Requirement | In the data below, find the line that contains "from ifc_helpers import" and the line that contains "building_placement = place(site_placement, origin())". Copy both, plus every line between them, exactly.

Dataset excerpts |
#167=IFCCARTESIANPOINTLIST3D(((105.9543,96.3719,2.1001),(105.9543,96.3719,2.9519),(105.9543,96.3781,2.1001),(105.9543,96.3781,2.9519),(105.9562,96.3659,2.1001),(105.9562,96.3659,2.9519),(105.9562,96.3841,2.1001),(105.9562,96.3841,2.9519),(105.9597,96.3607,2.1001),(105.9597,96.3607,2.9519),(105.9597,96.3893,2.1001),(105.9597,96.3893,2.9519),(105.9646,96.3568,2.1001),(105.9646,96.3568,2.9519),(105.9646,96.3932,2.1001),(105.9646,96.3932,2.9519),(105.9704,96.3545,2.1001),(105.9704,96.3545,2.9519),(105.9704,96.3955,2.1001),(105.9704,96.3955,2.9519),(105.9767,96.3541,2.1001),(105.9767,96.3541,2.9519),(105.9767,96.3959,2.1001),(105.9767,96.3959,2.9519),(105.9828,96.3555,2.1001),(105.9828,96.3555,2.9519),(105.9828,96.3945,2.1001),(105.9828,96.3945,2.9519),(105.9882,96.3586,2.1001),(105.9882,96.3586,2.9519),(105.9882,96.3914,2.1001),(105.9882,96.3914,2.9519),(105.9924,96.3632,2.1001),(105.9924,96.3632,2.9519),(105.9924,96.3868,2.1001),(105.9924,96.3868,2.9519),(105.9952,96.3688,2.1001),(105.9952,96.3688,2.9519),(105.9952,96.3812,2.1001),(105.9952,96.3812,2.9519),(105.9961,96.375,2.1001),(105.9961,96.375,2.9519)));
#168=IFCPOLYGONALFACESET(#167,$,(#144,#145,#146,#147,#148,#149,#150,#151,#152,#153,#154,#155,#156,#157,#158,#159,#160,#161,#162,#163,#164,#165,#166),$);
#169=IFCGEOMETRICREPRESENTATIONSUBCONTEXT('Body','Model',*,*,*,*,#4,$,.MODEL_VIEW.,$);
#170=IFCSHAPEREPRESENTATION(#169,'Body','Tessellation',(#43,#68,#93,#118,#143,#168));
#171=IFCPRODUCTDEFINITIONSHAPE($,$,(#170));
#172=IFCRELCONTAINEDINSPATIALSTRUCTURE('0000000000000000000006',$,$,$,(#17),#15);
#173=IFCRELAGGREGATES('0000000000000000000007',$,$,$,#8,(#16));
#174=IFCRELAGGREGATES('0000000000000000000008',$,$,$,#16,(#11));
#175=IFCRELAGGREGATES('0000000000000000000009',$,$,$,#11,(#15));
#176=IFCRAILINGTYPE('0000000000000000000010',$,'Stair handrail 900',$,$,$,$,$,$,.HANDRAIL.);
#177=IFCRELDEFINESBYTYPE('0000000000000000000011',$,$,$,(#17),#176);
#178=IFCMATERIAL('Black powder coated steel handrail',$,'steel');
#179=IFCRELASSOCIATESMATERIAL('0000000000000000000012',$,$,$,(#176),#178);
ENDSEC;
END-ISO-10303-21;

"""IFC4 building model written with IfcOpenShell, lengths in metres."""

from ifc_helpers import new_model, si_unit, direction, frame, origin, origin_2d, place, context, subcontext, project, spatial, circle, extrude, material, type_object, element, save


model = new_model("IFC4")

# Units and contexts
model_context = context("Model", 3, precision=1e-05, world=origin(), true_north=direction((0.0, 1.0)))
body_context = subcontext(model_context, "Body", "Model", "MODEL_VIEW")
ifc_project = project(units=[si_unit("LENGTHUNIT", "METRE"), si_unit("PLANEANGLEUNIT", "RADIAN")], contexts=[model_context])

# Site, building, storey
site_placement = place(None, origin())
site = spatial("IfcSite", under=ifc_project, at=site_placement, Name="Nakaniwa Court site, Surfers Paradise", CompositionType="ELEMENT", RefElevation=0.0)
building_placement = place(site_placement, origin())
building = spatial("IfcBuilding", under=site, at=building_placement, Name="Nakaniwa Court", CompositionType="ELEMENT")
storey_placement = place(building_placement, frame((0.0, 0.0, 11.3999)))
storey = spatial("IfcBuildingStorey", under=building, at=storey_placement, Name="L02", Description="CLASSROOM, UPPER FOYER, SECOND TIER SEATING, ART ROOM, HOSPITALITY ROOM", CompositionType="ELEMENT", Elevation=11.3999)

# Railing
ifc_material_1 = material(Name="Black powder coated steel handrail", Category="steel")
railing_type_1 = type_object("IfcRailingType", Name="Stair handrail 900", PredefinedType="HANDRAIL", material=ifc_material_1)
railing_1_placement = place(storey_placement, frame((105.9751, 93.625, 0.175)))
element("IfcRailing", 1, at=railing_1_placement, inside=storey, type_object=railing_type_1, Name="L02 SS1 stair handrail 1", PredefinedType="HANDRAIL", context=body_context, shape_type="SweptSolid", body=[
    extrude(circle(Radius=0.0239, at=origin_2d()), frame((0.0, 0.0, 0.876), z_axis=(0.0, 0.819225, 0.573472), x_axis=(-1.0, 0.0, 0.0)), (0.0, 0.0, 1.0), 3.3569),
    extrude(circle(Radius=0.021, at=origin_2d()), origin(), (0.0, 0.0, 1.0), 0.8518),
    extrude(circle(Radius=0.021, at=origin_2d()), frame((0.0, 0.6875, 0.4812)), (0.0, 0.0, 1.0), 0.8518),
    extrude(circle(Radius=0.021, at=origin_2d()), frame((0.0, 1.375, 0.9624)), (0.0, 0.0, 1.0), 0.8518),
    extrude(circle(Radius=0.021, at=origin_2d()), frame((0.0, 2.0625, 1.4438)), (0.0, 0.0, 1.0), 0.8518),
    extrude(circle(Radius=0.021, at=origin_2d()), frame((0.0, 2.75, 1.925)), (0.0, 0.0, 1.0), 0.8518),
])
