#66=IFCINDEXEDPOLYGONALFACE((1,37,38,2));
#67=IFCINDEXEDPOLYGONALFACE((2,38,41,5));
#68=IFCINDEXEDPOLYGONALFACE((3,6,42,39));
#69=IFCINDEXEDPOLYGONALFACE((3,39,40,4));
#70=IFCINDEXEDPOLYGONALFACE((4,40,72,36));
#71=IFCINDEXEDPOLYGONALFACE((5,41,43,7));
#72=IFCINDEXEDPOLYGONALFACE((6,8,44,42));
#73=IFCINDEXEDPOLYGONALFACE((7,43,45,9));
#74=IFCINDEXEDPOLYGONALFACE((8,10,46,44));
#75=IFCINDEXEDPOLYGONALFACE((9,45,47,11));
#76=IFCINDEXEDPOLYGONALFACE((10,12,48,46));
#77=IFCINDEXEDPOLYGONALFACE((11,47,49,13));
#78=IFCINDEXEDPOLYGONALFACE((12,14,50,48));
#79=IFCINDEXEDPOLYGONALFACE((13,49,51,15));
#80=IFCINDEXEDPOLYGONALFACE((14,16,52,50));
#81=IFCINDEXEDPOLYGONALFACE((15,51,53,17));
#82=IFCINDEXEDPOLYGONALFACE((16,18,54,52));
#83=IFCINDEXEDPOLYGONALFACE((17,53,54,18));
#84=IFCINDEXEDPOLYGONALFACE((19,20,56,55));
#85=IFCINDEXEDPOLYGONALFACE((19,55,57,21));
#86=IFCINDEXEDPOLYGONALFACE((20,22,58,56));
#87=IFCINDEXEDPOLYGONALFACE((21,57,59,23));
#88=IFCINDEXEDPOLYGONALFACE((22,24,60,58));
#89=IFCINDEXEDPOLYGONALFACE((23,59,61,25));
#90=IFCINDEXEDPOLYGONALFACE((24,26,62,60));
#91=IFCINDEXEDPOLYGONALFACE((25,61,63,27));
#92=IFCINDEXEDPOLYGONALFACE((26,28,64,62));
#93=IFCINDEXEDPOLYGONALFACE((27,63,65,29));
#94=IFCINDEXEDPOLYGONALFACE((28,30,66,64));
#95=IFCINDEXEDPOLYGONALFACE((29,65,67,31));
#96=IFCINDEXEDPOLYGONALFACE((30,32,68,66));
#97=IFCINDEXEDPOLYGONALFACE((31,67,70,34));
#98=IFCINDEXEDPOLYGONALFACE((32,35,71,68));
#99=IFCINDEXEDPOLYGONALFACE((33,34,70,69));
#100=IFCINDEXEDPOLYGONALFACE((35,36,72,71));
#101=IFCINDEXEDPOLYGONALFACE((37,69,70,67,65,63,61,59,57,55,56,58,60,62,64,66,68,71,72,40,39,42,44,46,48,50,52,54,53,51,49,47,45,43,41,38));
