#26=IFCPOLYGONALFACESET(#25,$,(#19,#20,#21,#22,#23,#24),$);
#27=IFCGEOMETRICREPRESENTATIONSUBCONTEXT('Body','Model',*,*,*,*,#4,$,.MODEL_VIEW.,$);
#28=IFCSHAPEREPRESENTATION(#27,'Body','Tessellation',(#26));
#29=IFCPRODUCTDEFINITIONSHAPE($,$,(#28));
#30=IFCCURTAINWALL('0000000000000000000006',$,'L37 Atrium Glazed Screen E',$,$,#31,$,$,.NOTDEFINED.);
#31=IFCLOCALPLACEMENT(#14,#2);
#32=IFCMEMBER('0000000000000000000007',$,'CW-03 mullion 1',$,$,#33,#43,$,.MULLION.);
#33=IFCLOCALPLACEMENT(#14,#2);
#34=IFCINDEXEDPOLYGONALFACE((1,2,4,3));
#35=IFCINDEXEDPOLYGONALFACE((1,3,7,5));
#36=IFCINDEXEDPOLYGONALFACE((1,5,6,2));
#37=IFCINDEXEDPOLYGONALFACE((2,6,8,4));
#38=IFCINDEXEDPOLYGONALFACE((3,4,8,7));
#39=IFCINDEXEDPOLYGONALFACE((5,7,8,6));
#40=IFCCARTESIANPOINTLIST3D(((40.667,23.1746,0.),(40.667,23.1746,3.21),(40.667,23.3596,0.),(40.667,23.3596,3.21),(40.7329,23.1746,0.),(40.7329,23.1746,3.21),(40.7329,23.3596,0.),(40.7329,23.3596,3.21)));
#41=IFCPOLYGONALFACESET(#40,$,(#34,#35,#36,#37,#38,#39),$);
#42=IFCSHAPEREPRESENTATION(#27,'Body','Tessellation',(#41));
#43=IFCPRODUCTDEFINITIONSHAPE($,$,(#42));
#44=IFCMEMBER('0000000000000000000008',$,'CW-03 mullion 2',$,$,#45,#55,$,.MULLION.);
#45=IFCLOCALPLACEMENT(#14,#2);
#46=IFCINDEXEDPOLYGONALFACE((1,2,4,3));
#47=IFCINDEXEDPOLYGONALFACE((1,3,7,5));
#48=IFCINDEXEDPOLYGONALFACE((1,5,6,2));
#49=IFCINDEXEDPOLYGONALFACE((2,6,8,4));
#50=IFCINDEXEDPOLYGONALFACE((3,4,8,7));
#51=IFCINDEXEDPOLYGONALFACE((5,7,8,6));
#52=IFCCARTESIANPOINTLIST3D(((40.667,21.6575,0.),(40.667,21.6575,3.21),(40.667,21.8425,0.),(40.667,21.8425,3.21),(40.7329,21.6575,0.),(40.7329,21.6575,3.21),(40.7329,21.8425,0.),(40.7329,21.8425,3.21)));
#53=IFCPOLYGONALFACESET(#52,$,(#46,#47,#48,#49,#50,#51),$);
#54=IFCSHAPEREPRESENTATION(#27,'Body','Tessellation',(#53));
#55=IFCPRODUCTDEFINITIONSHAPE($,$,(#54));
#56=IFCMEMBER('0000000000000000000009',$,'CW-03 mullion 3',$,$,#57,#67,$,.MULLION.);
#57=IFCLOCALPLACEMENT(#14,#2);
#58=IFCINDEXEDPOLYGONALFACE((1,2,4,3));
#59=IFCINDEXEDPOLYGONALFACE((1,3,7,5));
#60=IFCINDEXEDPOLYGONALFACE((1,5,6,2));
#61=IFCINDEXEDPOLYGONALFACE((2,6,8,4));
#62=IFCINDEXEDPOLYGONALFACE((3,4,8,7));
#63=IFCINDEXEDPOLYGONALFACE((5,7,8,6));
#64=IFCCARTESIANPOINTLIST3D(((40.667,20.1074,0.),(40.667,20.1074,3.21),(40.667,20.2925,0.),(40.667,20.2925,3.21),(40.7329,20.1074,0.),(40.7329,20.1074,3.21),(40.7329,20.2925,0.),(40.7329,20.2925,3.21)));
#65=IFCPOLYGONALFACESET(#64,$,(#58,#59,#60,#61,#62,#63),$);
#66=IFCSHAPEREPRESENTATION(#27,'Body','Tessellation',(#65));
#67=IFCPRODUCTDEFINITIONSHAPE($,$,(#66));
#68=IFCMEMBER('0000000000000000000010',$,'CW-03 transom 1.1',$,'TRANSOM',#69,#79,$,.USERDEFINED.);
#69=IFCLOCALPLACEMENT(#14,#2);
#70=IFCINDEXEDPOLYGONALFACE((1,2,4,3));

Task result |
from ifc_helpers import new_model, si_unit, direction, frame, origin, origin_2d, place, context, subcontext, project, spatial, circle, extrude, material, type_object, element, save


model = new_model("IFC4")

# Units and contexts
model_context = context("Model", 3, precision=1e-05, world=origin(), true_north=direction((0.0, 1.0)))
body_context = subcontext(model_context, "Body", "Model", "MODEL_VIEW")
ifc_project = project(units=[si_unit("LENGTHUNIT", "METRE"), si_unit("PLANEANGLEUNIT", "RADIAN")], contexts=[model_context])

# Site, building, storey
site_placement = place(None, origin())
site = spatial("IfcSite", under=ifc_project, at=site_placement, Name="Nakaniwa Court site, Surfers Paradise", CompositionType="ELEMENT", RefElevation=0.0)
building_placement = place(site_placement, origin())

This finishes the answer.